• [Aim of the task] Read through the listing below and return only the lines containing "IFCRELAGGREGATES".

>>>>

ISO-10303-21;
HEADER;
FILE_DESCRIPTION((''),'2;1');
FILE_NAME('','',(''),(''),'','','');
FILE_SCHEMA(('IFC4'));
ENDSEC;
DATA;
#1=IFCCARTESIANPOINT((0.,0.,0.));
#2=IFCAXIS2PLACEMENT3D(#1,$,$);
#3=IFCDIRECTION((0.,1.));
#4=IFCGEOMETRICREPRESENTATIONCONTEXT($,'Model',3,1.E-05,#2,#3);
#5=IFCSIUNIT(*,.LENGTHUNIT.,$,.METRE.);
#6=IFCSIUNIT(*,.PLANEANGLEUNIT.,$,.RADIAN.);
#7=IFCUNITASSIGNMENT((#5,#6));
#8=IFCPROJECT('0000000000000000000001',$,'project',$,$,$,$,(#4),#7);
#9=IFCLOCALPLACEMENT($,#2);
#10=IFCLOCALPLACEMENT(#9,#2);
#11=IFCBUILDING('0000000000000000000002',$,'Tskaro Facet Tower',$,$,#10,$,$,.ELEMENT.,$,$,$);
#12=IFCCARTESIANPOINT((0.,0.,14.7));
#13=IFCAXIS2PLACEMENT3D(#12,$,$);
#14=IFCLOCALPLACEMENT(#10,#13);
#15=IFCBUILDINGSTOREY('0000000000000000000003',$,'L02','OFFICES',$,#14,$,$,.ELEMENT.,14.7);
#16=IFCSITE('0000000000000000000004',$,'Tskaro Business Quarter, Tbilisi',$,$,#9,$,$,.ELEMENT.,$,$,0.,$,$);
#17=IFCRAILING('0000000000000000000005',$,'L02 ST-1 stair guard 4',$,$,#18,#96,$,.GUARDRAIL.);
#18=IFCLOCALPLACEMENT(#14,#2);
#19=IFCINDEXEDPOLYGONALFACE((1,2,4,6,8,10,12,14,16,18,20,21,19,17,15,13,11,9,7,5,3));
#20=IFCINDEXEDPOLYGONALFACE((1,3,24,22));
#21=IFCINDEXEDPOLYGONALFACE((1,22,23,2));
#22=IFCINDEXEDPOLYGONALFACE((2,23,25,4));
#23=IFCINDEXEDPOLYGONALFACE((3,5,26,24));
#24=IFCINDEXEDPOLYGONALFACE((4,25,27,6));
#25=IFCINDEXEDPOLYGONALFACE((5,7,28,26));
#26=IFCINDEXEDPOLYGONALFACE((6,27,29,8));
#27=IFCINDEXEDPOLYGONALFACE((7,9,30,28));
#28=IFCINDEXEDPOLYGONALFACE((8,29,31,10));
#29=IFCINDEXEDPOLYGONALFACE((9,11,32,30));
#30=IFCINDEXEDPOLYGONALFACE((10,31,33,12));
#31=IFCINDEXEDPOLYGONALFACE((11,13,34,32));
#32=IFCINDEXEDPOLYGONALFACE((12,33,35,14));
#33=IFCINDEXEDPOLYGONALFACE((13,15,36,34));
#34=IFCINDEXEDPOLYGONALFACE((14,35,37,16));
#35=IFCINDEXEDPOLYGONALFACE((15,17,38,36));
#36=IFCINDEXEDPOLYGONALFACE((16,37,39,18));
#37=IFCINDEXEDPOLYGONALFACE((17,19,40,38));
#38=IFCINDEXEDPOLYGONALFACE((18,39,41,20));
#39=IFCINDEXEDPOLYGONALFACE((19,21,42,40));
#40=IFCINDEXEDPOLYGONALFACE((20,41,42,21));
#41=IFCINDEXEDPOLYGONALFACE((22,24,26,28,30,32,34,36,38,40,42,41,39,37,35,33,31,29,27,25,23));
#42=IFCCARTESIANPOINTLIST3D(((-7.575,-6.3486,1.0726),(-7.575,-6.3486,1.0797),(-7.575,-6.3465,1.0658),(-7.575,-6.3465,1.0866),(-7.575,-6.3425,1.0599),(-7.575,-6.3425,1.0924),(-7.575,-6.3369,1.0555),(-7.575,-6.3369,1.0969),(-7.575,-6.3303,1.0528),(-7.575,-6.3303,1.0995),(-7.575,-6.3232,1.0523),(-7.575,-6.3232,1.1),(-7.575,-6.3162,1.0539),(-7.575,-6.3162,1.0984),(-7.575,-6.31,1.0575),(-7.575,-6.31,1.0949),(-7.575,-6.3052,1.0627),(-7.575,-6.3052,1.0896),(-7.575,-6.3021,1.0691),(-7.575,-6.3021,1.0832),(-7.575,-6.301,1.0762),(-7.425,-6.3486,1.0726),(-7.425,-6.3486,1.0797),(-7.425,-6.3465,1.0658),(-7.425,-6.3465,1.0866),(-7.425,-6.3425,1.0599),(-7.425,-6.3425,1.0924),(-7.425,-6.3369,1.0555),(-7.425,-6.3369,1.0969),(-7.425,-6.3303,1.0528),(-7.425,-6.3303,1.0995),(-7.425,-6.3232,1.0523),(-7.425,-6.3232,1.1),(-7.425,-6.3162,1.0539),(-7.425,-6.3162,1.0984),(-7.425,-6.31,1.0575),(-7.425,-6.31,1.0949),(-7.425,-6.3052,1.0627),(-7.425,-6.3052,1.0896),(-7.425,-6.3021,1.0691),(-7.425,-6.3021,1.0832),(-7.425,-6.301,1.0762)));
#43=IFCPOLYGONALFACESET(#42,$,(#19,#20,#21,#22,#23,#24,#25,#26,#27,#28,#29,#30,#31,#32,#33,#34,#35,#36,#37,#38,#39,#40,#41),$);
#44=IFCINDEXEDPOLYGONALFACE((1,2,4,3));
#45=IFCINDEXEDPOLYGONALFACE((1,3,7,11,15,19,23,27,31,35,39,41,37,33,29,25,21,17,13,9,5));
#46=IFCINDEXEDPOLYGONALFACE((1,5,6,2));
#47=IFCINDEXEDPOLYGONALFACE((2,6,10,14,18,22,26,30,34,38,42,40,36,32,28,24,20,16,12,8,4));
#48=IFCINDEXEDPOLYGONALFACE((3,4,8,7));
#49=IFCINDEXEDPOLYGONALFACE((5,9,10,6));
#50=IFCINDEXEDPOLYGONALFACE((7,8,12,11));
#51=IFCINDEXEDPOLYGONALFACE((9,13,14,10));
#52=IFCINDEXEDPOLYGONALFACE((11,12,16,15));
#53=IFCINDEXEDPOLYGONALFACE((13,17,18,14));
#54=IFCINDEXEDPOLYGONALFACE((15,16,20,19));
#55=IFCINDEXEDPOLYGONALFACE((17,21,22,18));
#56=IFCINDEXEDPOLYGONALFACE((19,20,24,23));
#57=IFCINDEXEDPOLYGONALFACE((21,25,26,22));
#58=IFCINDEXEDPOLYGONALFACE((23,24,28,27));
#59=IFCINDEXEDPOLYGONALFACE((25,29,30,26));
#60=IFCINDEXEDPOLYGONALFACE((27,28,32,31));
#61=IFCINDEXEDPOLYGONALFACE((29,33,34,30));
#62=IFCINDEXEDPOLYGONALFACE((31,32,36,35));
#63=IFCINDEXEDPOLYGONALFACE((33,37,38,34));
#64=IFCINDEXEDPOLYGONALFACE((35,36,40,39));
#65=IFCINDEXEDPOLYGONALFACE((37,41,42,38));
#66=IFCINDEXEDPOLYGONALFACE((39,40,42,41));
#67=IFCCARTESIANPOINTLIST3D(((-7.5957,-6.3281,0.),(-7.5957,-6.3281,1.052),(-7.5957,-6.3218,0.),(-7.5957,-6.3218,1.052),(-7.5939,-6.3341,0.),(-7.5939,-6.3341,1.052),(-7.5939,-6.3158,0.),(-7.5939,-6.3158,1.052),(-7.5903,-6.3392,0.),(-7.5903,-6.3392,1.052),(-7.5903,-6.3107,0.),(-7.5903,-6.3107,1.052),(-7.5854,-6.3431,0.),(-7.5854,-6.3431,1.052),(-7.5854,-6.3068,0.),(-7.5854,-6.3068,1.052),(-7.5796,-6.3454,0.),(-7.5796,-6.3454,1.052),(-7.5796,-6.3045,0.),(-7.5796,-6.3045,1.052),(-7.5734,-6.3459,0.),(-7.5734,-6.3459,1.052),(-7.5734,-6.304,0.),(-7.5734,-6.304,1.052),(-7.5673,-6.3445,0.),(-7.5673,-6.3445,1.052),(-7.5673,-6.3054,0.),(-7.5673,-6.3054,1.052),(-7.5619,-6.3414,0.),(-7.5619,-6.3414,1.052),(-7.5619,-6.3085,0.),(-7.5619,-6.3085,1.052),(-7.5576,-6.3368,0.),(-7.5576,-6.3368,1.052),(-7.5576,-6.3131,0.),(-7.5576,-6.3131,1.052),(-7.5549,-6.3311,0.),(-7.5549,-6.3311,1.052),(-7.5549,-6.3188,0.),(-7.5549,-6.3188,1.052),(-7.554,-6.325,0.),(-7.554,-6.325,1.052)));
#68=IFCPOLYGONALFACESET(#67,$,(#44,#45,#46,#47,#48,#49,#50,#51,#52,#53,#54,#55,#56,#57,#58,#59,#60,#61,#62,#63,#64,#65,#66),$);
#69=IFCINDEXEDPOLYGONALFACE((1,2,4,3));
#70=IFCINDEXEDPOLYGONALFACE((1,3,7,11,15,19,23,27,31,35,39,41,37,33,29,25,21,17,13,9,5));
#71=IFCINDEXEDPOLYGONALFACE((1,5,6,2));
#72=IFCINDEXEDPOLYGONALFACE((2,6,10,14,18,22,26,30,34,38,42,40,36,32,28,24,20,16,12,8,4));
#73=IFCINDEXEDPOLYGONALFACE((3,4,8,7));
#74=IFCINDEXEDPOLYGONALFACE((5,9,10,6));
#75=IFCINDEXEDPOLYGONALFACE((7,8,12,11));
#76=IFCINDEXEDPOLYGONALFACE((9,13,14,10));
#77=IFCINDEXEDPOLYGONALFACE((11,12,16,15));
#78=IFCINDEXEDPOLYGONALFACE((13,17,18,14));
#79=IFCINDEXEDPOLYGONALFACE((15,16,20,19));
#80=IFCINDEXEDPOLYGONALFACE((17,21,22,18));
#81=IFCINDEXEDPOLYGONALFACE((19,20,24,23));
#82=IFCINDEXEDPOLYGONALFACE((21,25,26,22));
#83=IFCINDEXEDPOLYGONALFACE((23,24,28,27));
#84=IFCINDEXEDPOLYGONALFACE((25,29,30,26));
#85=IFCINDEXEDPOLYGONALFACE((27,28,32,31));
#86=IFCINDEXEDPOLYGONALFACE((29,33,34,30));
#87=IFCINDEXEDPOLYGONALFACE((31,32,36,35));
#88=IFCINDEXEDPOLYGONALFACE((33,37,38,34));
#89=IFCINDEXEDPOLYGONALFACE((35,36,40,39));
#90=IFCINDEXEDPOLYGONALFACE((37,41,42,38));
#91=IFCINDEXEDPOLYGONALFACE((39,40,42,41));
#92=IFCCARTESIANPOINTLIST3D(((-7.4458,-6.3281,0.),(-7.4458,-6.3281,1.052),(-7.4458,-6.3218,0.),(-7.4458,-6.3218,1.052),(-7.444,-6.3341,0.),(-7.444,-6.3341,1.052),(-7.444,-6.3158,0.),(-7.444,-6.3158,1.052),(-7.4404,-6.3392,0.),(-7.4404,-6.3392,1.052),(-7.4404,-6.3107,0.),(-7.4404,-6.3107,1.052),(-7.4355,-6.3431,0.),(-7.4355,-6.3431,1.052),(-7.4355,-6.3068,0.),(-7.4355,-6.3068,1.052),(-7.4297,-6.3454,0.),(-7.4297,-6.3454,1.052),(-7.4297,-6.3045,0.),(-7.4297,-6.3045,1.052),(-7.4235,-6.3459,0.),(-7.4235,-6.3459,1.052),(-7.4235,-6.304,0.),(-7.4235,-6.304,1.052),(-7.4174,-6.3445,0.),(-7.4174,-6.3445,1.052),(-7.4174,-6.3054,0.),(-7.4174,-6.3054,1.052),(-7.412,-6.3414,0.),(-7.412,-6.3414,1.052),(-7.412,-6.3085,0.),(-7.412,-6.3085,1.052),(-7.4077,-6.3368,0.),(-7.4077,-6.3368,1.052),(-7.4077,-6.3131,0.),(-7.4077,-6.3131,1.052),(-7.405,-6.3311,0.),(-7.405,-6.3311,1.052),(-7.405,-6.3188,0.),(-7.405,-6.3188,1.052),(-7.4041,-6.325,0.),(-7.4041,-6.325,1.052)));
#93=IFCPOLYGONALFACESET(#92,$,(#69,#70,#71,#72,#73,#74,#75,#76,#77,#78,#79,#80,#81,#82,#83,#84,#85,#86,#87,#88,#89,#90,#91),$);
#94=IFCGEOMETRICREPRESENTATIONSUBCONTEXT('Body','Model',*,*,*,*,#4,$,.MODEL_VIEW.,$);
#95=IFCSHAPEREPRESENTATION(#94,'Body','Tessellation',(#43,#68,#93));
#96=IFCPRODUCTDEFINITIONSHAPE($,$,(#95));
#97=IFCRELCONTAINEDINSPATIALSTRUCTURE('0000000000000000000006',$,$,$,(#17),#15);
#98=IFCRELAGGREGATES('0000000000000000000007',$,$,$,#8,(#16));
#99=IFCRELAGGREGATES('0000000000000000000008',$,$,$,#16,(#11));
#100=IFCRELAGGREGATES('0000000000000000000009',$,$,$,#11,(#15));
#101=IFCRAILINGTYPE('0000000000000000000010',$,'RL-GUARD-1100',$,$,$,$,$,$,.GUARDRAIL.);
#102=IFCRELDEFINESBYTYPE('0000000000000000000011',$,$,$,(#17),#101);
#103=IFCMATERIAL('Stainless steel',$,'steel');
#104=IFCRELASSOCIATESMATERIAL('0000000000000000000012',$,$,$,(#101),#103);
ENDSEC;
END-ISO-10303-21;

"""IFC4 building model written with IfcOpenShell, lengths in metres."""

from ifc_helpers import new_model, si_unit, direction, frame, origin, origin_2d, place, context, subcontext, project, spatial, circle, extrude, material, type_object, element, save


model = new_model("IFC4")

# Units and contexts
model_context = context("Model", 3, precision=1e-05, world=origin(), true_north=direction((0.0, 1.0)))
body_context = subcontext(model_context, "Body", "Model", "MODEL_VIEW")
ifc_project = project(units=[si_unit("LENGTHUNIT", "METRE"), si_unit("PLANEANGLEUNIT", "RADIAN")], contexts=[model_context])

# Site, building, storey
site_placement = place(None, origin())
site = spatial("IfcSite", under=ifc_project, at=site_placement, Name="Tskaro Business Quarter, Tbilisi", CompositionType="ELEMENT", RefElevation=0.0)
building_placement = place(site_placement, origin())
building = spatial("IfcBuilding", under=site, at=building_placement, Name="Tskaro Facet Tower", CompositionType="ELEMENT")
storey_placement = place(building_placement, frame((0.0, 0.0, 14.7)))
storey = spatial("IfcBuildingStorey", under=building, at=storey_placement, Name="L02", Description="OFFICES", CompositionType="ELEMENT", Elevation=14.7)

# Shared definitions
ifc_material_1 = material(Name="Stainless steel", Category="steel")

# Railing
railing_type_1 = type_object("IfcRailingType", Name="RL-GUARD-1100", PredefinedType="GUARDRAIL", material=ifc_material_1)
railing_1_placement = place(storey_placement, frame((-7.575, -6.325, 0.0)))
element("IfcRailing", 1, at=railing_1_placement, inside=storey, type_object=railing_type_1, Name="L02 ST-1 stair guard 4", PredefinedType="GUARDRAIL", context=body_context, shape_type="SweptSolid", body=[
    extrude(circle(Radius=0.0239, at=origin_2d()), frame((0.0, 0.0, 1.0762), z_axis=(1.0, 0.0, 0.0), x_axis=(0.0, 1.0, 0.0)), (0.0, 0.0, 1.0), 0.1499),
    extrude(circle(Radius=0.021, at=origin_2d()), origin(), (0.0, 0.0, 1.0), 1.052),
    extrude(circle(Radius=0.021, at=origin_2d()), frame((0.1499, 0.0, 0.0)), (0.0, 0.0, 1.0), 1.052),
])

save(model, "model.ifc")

<<<<

• [Solution to the exercise]
#98=IFCRELAGGREGATES('0000000000000000000007',$,$,$,#8,(#16));
#99=IFCRELAGGREGATES('0000000000000000000008',$,$,$,#16,(#11));
#100=IFCRELAGGREGATES('0000000000000000000009',$,$,$,#11,(#15));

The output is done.